Repeat exactly, and only, the lines below starting at the line that contains "#119=IFCINDEXEDPOLYGONALFACE((28,31,33,30));" and ending at the line that contains "#126=IFCINDEXEDPOLYGONALFACE((43,45,46,44));", inclusive of both.
(EXCERPTED DATA Opens)
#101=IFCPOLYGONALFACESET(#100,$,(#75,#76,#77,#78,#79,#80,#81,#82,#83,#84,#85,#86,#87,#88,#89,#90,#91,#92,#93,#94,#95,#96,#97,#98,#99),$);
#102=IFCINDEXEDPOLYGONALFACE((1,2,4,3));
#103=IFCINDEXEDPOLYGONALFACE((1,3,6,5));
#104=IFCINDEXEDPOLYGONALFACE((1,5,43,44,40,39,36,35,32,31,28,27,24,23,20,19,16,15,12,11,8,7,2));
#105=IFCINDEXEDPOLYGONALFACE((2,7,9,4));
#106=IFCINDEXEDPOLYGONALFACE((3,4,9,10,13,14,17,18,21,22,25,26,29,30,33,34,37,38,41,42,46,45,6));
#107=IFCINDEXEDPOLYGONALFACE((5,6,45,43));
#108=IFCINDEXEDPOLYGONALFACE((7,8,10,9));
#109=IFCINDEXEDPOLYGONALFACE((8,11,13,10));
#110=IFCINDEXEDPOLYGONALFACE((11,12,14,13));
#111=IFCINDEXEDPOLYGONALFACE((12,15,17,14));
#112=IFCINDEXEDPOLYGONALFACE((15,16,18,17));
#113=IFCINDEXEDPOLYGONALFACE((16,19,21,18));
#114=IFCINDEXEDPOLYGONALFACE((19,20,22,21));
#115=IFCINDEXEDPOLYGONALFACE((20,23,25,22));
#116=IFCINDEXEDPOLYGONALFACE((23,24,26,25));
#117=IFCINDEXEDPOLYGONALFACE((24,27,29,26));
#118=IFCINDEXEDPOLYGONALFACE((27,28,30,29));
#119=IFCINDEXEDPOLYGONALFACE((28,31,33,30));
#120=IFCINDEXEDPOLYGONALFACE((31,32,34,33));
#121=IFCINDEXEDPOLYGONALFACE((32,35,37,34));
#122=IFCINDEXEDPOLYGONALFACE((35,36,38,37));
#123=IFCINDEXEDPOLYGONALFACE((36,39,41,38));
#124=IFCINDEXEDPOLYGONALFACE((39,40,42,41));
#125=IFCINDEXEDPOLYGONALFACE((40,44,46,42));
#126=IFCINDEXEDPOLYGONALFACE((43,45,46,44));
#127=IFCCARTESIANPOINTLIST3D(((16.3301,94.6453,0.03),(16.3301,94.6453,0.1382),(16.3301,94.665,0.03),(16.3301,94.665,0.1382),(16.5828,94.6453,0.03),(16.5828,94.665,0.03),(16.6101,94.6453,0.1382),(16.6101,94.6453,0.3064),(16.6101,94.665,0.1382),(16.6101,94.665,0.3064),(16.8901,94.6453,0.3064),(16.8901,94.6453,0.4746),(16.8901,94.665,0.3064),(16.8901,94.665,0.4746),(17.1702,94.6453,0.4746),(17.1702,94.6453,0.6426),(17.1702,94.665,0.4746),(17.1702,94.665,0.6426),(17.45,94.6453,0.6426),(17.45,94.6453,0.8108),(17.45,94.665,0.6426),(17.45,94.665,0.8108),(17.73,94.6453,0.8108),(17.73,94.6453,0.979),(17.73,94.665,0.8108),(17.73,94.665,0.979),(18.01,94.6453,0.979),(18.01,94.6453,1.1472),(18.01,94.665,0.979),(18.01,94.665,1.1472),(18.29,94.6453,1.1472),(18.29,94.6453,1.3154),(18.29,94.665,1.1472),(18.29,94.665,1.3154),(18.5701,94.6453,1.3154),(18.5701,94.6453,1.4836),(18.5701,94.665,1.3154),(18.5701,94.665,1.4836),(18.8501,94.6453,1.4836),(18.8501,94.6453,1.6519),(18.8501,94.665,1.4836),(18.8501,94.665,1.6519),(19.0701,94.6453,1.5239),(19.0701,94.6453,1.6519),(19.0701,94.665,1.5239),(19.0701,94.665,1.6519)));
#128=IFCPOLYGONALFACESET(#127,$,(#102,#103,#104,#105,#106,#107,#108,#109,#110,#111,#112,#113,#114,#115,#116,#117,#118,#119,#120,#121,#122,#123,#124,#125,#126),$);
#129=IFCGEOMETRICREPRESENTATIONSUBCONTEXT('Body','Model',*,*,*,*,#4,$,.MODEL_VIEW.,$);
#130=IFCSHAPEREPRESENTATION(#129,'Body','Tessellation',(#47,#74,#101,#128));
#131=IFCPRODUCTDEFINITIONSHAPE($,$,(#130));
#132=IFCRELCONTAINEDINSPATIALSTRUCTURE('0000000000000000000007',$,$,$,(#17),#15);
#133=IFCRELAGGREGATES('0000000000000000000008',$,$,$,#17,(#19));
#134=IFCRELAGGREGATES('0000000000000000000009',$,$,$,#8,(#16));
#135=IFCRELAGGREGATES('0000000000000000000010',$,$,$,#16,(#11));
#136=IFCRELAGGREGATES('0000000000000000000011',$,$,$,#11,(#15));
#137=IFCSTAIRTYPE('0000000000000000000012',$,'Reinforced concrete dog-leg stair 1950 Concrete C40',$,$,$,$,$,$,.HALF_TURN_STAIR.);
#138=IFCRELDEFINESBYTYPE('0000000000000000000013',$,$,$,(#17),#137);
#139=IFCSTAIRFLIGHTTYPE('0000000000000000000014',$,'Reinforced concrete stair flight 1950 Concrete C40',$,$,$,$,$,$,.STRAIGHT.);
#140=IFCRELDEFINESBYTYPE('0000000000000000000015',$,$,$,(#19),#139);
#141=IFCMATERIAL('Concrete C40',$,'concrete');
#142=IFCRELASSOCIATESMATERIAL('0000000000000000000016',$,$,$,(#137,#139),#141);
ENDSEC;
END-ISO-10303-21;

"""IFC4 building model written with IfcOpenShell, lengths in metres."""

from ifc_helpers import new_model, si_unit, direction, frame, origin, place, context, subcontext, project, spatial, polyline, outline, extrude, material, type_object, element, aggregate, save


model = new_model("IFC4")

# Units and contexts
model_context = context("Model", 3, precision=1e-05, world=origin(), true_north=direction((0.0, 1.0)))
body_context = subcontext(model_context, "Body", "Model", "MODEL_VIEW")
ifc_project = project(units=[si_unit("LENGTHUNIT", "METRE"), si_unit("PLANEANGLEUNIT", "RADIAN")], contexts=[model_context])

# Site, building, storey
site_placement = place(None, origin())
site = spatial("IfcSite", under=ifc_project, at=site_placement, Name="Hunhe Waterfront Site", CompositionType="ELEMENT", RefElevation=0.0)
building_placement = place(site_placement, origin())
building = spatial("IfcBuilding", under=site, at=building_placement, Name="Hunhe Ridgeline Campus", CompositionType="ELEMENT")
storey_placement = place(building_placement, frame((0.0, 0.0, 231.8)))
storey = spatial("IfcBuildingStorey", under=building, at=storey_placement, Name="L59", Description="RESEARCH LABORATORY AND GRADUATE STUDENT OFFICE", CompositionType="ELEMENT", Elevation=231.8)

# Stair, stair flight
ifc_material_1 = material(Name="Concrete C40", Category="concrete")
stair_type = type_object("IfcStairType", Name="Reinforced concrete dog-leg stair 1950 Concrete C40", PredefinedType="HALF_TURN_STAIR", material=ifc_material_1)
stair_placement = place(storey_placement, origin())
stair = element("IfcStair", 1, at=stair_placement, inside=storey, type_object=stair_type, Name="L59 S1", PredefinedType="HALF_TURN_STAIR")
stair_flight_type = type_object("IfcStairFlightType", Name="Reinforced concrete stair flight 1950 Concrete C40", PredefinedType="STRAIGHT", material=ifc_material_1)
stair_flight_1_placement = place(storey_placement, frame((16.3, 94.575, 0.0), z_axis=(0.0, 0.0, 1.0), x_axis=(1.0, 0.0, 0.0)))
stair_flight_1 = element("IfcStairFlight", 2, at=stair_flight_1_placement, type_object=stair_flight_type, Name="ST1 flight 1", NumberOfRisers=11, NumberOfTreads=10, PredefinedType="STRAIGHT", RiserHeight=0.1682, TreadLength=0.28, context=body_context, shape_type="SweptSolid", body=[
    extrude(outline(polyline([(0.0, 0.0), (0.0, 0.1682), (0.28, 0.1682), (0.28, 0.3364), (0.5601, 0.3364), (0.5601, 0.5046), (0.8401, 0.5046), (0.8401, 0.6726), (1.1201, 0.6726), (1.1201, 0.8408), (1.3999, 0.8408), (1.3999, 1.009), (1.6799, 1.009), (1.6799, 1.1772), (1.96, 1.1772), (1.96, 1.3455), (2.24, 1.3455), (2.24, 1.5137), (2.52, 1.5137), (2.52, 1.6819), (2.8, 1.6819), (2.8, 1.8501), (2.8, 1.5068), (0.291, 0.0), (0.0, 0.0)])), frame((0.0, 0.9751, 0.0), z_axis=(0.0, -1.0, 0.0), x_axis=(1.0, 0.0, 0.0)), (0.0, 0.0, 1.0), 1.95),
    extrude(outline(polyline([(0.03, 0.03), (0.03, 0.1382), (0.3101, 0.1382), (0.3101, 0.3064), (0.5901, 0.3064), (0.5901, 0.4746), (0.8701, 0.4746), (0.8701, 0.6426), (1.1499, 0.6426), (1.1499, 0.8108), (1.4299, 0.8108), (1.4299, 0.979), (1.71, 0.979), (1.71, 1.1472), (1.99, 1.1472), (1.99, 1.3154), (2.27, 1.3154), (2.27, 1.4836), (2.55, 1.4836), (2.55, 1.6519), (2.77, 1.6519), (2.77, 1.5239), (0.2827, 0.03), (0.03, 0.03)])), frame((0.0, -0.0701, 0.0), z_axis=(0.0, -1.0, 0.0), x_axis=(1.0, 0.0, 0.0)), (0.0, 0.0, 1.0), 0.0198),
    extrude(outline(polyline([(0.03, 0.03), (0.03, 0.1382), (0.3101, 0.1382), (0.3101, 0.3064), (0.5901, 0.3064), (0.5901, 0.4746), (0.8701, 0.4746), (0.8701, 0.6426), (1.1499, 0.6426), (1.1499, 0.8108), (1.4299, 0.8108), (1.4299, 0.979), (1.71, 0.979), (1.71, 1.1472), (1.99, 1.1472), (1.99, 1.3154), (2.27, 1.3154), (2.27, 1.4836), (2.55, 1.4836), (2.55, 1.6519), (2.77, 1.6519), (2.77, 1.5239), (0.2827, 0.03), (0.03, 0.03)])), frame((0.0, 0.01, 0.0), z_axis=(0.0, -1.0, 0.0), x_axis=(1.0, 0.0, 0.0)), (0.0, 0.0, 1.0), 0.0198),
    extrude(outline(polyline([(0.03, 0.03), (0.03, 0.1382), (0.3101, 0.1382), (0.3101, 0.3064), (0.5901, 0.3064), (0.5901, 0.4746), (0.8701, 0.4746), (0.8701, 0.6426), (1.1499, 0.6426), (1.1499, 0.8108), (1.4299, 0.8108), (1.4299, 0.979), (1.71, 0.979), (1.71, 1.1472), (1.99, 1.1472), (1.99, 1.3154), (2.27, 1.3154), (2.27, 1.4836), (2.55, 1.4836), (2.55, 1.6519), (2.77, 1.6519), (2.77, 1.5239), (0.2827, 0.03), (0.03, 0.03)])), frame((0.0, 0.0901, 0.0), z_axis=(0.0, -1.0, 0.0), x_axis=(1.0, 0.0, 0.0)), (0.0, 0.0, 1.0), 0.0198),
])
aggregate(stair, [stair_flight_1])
(EXCERPTED DATA Closes)
## ANSWER SECTION
#119=IFCINDEXEDPOLYGONALFACE((28,31,33,30));
#120=IFCINDEXEDPOLYGONALFACE((31,32,34,33));
#121=IFCINDEXEDPOLYGONALFACE((32,35,37,34));
#122=IFCINDEXEDPOLYGONALFACE((35,36,38,37));
#123=IFCINDEXEDPOLYGONALFACE((36,39,41,38));
#124=IFCINDEXEDPOLYGONALFACE((39,40,42,41));
#125=IFCINDEXEDPOLYGONALFACE((40,44,46,42));
#126=IFCINDEXEDPOLYGONALFACE((43,45,46,44));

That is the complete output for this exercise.